**What needs to be done:** Produce an exact copy of the first line of the data below and each line after it, please, up to and including the one with "#47=IFCLOCALPLACEMENT(#14,#2);".

********************

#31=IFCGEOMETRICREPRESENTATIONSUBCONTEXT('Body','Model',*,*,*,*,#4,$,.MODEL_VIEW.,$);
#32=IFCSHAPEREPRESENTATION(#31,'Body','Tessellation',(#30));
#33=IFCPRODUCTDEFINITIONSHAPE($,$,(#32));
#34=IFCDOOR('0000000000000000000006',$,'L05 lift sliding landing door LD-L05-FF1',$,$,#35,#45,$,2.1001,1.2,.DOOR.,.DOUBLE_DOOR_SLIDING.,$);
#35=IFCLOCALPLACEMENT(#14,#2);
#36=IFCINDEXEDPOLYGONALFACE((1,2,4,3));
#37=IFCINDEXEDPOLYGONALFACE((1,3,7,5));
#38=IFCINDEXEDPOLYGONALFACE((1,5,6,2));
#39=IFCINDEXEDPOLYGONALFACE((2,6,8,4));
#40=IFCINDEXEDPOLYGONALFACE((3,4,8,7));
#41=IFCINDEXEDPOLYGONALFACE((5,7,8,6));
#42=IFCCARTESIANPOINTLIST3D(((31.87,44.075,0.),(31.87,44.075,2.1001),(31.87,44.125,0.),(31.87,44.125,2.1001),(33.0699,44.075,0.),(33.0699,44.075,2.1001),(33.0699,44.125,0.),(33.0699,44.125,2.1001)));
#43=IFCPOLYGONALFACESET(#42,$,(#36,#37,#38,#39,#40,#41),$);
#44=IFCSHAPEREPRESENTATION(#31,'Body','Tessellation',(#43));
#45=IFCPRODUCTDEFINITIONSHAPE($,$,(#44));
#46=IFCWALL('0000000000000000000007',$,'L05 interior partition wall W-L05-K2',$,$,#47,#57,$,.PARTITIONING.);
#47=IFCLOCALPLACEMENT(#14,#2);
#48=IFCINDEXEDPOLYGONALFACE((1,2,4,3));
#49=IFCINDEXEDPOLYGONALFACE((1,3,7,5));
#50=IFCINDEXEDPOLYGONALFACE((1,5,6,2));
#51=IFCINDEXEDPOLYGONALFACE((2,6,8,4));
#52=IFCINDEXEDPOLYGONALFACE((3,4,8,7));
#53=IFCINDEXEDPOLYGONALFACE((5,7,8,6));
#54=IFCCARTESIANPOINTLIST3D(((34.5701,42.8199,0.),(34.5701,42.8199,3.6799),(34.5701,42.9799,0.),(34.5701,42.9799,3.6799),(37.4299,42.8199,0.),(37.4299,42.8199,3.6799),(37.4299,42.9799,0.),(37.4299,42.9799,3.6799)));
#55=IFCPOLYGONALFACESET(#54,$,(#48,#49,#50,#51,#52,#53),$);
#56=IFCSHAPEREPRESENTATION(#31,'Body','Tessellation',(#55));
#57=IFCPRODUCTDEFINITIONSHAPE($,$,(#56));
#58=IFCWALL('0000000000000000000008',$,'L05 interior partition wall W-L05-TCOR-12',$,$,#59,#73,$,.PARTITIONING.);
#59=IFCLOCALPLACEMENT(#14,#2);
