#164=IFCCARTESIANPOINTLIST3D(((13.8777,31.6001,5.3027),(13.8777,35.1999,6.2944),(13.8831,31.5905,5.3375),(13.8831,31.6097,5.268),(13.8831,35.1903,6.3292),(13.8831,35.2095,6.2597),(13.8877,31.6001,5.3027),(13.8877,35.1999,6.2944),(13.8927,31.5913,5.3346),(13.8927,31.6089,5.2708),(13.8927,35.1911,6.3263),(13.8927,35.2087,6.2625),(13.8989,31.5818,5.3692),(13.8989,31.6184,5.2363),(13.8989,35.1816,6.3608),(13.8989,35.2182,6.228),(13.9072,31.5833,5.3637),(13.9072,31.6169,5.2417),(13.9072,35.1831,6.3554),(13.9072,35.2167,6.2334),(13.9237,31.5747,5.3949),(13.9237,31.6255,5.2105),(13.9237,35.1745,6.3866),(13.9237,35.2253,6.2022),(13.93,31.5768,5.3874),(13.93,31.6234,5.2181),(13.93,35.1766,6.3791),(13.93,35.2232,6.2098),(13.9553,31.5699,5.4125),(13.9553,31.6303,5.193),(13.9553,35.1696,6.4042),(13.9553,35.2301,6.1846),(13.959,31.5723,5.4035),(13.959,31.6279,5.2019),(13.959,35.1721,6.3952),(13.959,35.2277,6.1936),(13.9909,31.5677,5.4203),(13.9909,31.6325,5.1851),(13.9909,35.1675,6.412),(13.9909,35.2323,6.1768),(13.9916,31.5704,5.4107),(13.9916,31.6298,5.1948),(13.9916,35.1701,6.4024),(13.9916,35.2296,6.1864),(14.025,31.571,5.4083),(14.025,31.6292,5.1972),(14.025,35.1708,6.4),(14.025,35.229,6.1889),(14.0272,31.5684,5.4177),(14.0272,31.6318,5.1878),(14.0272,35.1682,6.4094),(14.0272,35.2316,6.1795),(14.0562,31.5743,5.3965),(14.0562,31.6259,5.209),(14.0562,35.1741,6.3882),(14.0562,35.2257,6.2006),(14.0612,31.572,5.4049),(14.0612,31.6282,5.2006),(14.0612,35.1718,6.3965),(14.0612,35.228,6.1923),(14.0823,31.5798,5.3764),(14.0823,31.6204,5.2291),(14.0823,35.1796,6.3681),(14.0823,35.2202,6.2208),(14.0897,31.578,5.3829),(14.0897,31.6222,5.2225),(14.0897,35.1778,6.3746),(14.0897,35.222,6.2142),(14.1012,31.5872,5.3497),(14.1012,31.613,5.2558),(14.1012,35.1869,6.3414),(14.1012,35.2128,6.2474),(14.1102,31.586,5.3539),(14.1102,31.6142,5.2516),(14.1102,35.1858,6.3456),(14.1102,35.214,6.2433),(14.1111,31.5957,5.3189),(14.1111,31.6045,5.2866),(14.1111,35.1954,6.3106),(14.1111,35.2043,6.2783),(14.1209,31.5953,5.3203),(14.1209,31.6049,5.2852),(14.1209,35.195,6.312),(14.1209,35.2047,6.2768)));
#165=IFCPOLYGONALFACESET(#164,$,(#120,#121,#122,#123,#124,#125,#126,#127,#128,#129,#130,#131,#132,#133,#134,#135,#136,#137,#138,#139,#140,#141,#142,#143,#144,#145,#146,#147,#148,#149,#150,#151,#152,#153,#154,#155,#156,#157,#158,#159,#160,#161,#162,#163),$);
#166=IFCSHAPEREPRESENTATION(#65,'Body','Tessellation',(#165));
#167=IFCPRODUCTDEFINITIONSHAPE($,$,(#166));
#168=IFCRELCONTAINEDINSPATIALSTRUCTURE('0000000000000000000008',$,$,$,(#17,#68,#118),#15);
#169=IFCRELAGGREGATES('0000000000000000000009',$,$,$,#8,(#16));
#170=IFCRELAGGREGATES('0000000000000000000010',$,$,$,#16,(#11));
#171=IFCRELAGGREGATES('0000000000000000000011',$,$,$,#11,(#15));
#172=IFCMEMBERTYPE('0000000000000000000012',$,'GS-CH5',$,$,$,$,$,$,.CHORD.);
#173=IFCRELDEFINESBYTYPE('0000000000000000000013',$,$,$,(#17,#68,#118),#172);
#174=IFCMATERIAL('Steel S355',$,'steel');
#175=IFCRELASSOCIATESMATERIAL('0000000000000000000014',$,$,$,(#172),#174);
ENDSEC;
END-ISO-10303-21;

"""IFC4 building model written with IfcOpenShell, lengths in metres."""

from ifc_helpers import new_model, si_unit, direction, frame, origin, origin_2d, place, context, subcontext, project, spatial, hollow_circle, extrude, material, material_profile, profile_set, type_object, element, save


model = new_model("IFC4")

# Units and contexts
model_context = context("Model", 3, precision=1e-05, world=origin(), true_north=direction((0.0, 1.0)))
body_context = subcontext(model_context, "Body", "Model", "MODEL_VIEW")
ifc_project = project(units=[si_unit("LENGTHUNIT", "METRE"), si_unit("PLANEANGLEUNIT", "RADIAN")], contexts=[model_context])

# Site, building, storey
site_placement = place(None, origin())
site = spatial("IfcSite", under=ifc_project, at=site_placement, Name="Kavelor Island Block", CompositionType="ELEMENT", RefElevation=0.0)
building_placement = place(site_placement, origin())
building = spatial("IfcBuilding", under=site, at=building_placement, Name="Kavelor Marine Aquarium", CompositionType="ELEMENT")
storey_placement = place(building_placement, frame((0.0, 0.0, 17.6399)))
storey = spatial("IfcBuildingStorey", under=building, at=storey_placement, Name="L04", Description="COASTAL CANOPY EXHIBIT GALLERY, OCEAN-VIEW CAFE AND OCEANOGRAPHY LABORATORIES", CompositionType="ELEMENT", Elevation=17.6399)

********************

**Your response:**
#31=IFCGEOMETRICREPRESENTATIONSUBCONTEXT('Body','Model',*,*,*,*,#4,$,.MODEL_VIEW.,$);
#32=IFCSHAPEREPRESENTATION(#31,'Body','Tessellation',(#30));
#33=IFCPRODUCTDEFINITIONSHAPE($,$,(#32));
#34=IFCDOOR('0000000000000000000006',$,'L05 lift sliding landing door LD-L05-FF1',$,$,#35,#45,$,2.1001,1.2,.DOOR.,.DOUBLE_DOOR_SLIDING.,$);
#35=IFCLOCALPLACEMENT(#14,#2);
#36=IFCINDEXEDPOLYGONALFACE((1,2,4,3));
#37=IFCINDEXEDPOLYGONALFACE((1,3,7,5));
#38=IFCINDEXEDPOLYGONALFACE((1,5,6,2));
#39=IFCINDEXEDPOLYGONALFACE((2,6,8,4));
#40=IFCINDEXEDPOLYGONALFACE((3,4,8,7));
#41=IFCINDEXEDPOLYGONALFACE((5,7,8,6));
#42=IFCCARTESIANPOINTLIST3D(((31.87,44.075,0.),(31.87,44.075,2.1001),(31.87,44.125,0.),(31.87,44.125,2.1001),(33.0699,44.075,0.),(33.0699,44.075,2.1001),(33.0699,44.125,0.),(33.0699,44.125,2.1001)));
#43=IFCPOLYGONALFACESET(#42,$,(#36,#37,#38,#39,#40,#41),$);
#44=IFCSHAPEREPRESENTATION(#31,'Body','Tessellation',(#43));
#45=IFCPRODUCTDEFINITIONSHAPE($,$,(#44));
#46=IFCWALL('0000000000000000000007',$,'L05 interior partition wall W-L05-K2',$,$,#47,#57,$,.PARTITIONING.);
#47=IFCLOCALPLACEMENT(#14,#2);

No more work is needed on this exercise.